*Directions for this task:* Work through the listing below, copying each line that carries the word "IFCWALL".

*Dataset content:*
● ● ● ● ●

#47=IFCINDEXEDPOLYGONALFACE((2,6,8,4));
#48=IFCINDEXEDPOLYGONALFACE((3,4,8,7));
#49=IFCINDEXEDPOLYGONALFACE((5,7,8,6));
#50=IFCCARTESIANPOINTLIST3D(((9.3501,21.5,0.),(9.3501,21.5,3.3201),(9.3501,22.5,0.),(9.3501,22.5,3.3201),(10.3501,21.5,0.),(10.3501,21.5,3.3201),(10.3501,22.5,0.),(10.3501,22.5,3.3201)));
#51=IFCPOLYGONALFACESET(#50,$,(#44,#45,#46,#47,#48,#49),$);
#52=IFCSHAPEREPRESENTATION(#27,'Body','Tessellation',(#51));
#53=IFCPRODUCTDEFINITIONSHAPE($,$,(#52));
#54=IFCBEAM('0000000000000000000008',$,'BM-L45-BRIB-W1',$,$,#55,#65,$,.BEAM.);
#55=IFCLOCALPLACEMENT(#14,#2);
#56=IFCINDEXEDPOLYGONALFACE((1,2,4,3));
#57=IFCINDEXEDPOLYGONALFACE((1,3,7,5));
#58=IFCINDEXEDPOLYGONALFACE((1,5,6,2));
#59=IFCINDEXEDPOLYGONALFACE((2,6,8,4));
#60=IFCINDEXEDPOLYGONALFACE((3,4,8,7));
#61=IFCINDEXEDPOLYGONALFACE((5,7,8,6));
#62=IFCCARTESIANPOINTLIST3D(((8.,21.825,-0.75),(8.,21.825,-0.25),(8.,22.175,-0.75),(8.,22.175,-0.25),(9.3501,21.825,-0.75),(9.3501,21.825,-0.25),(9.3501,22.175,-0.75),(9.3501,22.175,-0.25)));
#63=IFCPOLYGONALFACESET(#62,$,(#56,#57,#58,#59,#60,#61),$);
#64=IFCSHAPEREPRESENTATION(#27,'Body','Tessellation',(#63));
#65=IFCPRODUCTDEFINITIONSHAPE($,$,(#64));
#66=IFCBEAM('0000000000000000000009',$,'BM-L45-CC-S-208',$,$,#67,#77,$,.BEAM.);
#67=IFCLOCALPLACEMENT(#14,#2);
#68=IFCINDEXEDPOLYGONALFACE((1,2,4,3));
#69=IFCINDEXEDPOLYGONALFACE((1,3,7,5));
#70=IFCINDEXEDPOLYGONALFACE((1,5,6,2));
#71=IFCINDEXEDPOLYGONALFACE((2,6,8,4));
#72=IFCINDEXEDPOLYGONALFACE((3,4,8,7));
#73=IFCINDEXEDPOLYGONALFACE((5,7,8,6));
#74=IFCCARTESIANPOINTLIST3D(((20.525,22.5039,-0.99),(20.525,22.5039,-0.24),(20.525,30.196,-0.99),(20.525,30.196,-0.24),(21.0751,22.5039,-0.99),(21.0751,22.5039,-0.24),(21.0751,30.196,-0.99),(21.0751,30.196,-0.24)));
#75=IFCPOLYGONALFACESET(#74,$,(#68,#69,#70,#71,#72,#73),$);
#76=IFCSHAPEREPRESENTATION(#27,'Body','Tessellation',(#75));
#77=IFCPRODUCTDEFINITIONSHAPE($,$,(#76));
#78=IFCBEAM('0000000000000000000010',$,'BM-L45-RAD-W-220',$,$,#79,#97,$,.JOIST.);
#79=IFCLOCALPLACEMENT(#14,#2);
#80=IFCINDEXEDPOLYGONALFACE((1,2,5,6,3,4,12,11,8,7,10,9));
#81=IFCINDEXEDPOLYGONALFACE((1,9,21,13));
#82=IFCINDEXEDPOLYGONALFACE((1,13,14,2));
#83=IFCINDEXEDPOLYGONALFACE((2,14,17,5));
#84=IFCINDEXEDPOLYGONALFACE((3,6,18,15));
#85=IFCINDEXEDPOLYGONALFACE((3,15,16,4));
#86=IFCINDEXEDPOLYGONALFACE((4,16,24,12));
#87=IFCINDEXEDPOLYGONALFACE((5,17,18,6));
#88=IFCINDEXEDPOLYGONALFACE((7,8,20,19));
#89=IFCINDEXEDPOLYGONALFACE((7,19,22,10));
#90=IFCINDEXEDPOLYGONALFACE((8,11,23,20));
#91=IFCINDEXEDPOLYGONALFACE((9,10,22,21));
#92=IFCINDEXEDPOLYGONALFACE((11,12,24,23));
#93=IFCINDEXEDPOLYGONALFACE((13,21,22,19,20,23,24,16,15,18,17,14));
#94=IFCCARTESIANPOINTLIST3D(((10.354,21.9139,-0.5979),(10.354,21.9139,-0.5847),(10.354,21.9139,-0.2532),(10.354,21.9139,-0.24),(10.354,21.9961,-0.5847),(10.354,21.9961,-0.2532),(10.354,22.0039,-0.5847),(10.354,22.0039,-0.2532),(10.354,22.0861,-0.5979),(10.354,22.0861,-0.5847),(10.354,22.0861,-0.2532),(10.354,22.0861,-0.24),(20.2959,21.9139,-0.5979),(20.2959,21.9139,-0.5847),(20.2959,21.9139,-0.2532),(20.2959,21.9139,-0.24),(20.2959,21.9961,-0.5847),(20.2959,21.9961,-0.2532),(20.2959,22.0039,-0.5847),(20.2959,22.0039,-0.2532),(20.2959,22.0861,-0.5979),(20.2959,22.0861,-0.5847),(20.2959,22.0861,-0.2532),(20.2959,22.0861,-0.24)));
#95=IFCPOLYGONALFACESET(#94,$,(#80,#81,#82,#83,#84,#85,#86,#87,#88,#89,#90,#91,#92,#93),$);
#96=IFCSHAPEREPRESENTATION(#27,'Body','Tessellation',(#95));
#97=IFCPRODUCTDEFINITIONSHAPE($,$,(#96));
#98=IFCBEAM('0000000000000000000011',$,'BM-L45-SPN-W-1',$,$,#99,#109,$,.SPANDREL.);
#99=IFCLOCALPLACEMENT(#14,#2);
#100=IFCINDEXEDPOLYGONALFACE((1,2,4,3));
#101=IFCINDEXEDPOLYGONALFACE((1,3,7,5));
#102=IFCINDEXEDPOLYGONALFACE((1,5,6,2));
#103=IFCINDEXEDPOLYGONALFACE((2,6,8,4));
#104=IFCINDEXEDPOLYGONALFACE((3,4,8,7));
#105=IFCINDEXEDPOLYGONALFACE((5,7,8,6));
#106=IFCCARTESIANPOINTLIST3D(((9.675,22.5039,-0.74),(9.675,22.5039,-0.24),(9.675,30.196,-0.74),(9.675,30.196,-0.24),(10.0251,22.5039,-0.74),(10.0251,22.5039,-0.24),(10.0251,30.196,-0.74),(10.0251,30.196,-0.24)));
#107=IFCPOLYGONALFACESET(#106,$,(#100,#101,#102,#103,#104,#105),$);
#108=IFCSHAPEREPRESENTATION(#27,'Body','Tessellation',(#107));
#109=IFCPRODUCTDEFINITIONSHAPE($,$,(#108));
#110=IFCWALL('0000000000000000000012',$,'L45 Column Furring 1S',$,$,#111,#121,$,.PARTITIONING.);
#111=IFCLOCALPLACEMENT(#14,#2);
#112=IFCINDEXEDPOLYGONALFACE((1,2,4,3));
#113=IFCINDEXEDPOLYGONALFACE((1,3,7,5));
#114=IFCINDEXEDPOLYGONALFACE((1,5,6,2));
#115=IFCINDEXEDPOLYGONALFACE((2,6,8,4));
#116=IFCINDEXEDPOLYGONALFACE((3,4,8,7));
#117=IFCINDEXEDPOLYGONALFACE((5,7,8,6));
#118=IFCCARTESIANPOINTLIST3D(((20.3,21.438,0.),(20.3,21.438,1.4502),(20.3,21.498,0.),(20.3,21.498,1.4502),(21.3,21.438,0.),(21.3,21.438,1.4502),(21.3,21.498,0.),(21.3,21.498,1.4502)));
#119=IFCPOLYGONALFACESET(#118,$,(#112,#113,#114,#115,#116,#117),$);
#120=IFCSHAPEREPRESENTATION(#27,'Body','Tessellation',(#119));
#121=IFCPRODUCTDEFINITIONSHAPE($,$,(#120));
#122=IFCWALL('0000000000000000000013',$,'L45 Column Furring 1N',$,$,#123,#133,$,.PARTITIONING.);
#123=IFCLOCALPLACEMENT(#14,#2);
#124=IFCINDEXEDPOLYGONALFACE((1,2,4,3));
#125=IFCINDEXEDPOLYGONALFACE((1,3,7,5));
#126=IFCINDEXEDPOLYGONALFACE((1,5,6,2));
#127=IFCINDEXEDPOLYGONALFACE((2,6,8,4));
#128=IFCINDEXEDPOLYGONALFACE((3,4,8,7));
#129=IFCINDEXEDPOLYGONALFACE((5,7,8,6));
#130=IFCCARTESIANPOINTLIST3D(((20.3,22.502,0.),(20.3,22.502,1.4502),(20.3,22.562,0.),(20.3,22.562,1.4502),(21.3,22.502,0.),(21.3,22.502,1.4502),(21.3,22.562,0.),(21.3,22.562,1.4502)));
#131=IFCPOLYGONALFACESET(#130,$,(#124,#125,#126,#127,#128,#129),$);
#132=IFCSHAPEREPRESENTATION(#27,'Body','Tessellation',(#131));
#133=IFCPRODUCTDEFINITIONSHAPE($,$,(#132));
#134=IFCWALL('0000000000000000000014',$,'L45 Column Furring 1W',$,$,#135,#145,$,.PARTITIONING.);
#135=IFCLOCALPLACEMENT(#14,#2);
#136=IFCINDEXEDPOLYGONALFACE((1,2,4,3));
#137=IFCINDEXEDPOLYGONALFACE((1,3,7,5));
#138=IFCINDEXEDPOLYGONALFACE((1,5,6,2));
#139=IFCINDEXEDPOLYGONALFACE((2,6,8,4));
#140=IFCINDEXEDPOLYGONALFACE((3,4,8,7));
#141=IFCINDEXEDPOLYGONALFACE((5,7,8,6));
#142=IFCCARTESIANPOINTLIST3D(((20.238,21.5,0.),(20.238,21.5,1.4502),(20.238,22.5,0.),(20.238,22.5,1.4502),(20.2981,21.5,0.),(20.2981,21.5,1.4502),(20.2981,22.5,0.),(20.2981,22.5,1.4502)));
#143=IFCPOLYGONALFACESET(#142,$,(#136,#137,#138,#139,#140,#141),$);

● ● ● ● ●

*Answer:*
#110=IFCWALL('0000000000000000000012',$,'L45 Column Furring 1S',$,$,#111,#121,$,.PARTITIONING.);
#122=IFCWALL('0000000000000000000013',$,'L45 Column Furring 1N',$,$,#123,#133,$,.PARTITIONING.);
#134=IFCWALL('0000000000000000000014',$,'L45 Column Furring 1W',$,$,#135,#145,$,.PARTITIONING.);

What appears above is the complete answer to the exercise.